**Input data**
· · · ·

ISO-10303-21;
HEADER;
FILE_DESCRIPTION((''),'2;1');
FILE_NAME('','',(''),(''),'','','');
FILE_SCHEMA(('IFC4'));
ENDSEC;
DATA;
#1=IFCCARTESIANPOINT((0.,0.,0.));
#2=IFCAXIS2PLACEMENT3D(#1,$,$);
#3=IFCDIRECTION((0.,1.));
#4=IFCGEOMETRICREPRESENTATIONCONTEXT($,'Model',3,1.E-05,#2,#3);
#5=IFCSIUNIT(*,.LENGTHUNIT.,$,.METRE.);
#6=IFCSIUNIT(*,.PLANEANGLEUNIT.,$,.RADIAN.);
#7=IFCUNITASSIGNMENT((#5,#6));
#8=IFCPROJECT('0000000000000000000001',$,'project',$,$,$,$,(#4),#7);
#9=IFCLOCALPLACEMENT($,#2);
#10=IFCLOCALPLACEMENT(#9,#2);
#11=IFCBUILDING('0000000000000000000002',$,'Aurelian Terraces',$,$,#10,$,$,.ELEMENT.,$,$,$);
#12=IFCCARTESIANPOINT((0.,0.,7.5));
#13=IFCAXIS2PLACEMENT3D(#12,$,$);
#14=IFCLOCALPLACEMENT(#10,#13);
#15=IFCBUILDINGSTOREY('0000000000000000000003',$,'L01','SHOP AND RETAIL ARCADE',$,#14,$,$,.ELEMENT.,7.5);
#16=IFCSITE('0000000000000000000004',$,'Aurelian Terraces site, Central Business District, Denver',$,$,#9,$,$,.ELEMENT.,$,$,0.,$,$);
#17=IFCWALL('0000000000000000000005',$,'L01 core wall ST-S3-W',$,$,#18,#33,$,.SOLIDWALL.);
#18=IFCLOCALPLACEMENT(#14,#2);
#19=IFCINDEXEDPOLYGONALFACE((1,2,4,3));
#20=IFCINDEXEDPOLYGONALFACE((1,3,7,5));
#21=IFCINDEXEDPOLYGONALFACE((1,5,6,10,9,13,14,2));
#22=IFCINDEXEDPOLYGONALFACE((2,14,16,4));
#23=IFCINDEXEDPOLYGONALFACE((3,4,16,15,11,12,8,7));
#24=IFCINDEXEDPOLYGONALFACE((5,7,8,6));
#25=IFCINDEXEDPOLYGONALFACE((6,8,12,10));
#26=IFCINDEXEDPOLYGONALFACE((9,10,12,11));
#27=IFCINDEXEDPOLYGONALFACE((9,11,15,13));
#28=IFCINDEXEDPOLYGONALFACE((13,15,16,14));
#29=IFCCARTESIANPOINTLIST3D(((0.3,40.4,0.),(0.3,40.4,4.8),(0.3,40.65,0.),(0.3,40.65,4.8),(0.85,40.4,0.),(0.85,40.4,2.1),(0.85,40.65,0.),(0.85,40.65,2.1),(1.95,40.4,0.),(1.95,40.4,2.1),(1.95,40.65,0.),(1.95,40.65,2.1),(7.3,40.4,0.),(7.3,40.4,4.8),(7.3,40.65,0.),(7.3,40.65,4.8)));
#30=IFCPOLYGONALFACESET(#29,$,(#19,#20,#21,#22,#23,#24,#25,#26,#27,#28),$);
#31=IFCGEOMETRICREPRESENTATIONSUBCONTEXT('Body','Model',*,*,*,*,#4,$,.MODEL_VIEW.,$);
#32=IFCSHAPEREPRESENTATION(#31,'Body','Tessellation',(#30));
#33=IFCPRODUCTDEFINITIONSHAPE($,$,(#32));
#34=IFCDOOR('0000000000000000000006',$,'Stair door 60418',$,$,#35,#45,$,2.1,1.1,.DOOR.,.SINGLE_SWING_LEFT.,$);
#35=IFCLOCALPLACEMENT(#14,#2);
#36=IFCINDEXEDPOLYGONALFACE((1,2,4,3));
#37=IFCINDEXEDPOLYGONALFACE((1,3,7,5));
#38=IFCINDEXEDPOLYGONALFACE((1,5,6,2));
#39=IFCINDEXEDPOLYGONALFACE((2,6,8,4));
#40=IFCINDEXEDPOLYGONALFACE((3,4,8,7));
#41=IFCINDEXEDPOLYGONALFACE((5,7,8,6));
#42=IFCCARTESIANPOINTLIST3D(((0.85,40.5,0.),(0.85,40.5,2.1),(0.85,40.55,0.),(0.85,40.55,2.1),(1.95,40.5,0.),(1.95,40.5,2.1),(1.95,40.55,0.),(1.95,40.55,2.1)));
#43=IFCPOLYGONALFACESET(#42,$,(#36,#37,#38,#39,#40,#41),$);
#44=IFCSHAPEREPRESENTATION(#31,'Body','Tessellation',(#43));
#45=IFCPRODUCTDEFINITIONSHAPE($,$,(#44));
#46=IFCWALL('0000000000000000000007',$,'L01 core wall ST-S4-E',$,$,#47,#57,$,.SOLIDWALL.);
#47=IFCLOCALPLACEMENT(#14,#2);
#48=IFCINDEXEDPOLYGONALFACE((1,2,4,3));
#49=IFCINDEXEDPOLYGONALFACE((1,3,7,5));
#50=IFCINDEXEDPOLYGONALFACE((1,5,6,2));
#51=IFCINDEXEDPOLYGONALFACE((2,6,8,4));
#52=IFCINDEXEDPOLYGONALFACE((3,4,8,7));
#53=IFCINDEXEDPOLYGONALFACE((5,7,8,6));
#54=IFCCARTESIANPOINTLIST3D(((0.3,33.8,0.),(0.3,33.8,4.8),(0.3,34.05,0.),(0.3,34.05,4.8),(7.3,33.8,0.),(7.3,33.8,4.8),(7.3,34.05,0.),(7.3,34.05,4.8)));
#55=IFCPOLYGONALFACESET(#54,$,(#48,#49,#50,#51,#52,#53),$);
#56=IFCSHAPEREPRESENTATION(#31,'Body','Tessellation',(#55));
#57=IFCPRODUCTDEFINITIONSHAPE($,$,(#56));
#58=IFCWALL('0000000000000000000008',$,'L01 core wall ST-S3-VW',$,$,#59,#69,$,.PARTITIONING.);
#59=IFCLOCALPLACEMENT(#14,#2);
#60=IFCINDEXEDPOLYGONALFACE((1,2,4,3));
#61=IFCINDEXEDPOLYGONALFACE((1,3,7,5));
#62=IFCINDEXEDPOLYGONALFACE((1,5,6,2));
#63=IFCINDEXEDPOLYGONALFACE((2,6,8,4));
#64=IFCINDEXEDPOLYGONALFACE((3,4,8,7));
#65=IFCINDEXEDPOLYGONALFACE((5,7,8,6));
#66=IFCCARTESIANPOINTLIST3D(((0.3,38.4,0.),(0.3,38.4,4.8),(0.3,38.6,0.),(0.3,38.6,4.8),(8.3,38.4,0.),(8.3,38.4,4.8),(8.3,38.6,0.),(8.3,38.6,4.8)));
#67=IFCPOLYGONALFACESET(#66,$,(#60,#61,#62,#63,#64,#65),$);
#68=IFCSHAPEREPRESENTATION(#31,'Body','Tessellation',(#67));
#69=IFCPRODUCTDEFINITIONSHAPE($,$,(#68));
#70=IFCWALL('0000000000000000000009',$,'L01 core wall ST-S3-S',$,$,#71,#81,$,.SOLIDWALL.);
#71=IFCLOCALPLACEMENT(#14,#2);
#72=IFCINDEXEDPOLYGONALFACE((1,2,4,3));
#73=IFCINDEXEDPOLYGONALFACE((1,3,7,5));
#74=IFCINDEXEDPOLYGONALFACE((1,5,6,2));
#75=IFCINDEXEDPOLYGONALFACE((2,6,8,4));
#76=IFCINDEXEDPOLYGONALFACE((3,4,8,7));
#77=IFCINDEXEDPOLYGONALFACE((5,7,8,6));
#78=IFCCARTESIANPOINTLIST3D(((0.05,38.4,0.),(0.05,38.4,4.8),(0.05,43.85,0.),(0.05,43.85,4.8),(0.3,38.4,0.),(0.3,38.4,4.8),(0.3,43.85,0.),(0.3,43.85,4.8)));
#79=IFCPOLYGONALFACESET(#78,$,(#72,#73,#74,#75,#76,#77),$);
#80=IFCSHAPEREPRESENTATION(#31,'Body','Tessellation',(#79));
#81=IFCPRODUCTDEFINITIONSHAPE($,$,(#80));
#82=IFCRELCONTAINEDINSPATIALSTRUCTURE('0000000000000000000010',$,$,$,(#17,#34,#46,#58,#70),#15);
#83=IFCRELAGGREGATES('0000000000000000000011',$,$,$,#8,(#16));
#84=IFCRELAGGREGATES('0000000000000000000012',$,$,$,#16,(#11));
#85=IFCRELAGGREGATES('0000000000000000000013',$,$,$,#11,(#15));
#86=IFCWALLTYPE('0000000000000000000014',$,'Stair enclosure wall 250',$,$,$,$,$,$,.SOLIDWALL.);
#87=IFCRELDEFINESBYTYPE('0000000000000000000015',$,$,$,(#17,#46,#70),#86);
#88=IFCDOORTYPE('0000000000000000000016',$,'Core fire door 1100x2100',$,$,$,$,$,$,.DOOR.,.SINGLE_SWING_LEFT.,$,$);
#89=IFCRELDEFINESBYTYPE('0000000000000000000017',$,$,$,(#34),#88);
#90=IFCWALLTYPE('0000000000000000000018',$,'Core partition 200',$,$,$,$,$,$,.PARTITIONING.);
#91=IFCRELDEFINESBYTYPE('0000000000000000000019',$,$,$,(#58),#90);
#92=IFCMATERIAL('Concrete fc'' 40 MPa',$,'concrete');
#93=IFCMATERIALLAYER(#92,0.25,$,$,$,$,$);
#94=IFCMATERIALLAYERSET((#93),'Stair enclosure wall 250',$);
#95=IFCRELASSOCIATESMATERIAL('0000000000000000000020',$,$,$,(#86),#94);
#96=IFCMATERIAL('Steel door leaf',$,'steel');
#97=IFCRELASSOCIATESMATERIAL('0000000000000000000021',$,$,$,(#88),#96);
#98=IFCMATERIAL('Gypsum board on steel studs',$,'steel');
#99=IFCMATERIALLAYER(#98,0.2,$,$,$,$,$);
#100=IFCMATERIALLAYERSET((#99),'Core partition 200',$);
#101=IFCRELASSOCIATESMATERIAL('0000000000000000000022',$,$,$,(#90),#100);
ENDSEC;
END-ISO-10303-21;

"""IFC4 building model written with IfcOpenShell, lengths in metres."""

from ifc_helpers import new_model, si_unit, direction, frame, frame_2d, origin, place, context, subcontext, project, spatial, rectangle, extrude, source, transform, mapped, material, layer, layer_set, type_object, element, fill, save


model = new_model("IFC4")

# Units and contexts
model_context = context("Model", 3, precision=1e-05, world=origin(), true_north=direction((0.0, 1.0)))
body_context = subcontext(model_context, "Body", "Model", "MODEL_VIEW")
ifc_project = project(units=[si_unit("LENGTHUNIT", "METRE"), si_unit("PLANEANGLEUNIT", "RADIAN")], contexts=[model_context])

# Site, building, storey
site_placement = place(None, origin())
site = spatial("IfcSite", under=ifc_project, at=site_placement, Name="Aurelian Terraces site, Central Business District, Denver", CompositionType="ELEMENT", RefElevation=0.0)
building_placement = place(site_placement, origin())
building = spatial("IfcBuilding", under=site, at=building_placement, Name="Aurelian Terraces", CompositionType="ELEMENT")
storey_placement = place(building_placement, frame((0.0, 0.0, 7.5)))
storey = spatial("IfcBuildingStorey", under=building, at=storey_placement, Name="L01", Description="SHOP AND RETAIL ARCADE", CompositionType="ELEMENT", Elevation=7.5)

# Wall, opening, door
ifc_material_1 = material(Name="Concrete fc' 40 MPa", Category="concrete")
ifc_layer_1 = layer(ifc_material_1, 0.25)
ifc_layer_set_1 = layer_set([ifc_layer_1], Name="Stair enclosure wall 250")
wall_type_1 = type_object("IfcWallType", Name="Stair enclosure wall 250", PredefinedType="SOLIDWALL", material=ifc_layer_set_1)
shared_shape_1 = source(origin(), body_context, "Body", "SweptSolid", [
    extrude(rectangle(XDim=7.0, YDim=0.25, at=frame_2d((3.5, 0.0))), origin(), (0.0, 0.0, 1.0), 4.8),
])
wall_1_placement = place(storey_placement, frame((0.3, 40.525, 0.0), z_axis=(0.0, 0.0, 1.0), x_axis=(1.0, 0.0, 0.0)))
wall_1 = element("IfcWall", 1, at=wall_1_placement, inside=storey, type_object=wall_type_1, Name="L01 core wall ST-S3-W", PredefinedType="SOLIDWALL", context=body_context, shape_type="MappedRepresentation", body=[
    mapped(shared_shape_1, transform((0.0, 0.0, 0.0), scale=1.0)),
])
shared_shape_2 = source(origin(), body_context, "Body", "SweptSolid", [
    extrude(rectangle(XDim=1.1, YDim=2.1, at=frame_2d((0.55, 1.05))), frame((0.0, 0.135, 0.0), z_axis=(0.0, -1.0, 0.0), x_axis=(1.0, 0.0, 0.0)), (0.0, 0.0, 1.0), 0.27),
])
opening_placement = place(wall_1_placement, frame((0.55, 0.0, 0.0)))
opening = element("IfcOpeningElement", 2, at=opening_placement, cuts=wall_1, PredefinedType="OPENING", context=body_context, shape_type="MappedRepresentation", body=[
    mapped(shared_shape_2, transform((0.0, 0.0, 0.0), scale=1.0)),
])
ifc_material_2 = material(Name="Steel door leaf", Category="steel")
door_type = type_object("IfcDoorType", Name="Core fire door 1100x2100", OperationType="SINGLE_SWING_LEFT", PredefinedType="DOOR", material=ifc_material_2)
shared_shape_3 = source(origin(), body_context, "Body", "SweptSolid", [
    extrude(rectangle(XDim=1.1, YDim=2.1, at=frame_2d((0.55, 1.05))), frame((0.0, 0.025, 0.0), z_axis=(0.0, -1.0, 0.0), x_axis=(1.0, 0.0, 0.0)), (0.0, 0.0, 1.0), 0.05),
])
door_placement = place(opening_placement, origin())
door = element("IfcDoor", 3, at=door_placement, inside=storey, type_object=door_type, Name="Stair door 60418", OperationType="SINGLE_SWING_LEFT", OverallHeight=2.1, OverallWidth=1.1, PredefinedType="DOOR", context=body_context, shape_type="MappedRepresentation", body=[
    mapped(shared_shape_3, transform((0.0, 0.0, 0.0), scale=1.0)),
])
fill(opening, door)

# Walls
wall_2_placement = place(storey_placement, frame((0.3, 33.925, 0.0), z_axis=(0.0, 0.0, 1.0), x_axis=(1.0, 0.0, 0.0)))
element("IfcWall", 4, at=wall_2_placement, inside=storey, type_object=wall_type_1, Name="L01 core wall ST-S4-E", PredefinedType="SOLIDWALL", context=body_context, shape_type="MappedRepresentation", body=[
    mapped(shared_shape_1, transform((0.0, 0.0, 0.0), scale=1.0)),
])
ifc_material_3 = material(Name="Gypsum board on steel studs", Category="steel")
ifc_layer_2 = layer(ifc_material_3, 0.2)
ifc_layer_set_2 = layer_set([ifc_layer_2], Name="Core partition 200")
wall_type_2 = type_object("IfcWallType", Name="Core partition 200", PredefinedType="PARTITIONING", material=ifc_layer_set_2)
shared_shape_4 = source(origin(), body_context, "Body", "SweptSolid", [
    extrude(rectangle(XDim=8.0, YDim=0.2, at=frame_2d((4.0, 0.0))), origin(), (0.0, 0.0, 1.0), 4.8),
])
wall_3_placement = place(storey_placement, frame((0.3, 38.5, 0.0), z_axis=(0.0, 0.0, 1.0), x_axis=(1.0, 0.0, 0.0)))
element("IfcWall", 5, at=wall_3_placement, inside=storey, type_object=wall_type_2, Name="L01 core wall ST-S3-VW", PredefinedType="PARTITIONING", context=body_context, shape_type="MappedRepresentation", body=[
    mapped(shared_shape_4, transform((0.0, 0.0, 0.0), scale=1.0)),
])
shared_shape_5 = source(origin(), body_context, "Body", "SweptSolid", [
    extrude(rectangle(XDim=5.45, YDim=0.25, at=frame_2d((2.725, 0.0))), origin(), (0.0, 0.0, 1.0), 4.8),
])
wall_4_placement = place(storey_placement, frame((0.175, 38.4, 0.0), z_axis=(0.0, 0.0, 1.0), x_axis=(0.0, 1.0, 0.0)))
element("IfcWall", 6, at=wall_4_placement, inside=storey, type_object=wall_type_1, Name="L01 core wall ST-S3-S", PredefinedType="SOLIDWALL", context=body_context, shape_type="MappedRepresentation", body=[
    mapped(shared_shape_5, transform((0.0, 0.0, 0.0), scale=1.0)),
])

save(model, "model.ifc")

· · · ·

Give only a number, the count of lines above that include the string "IFCSHAPEREPRESENTATION".

**Finished task**
5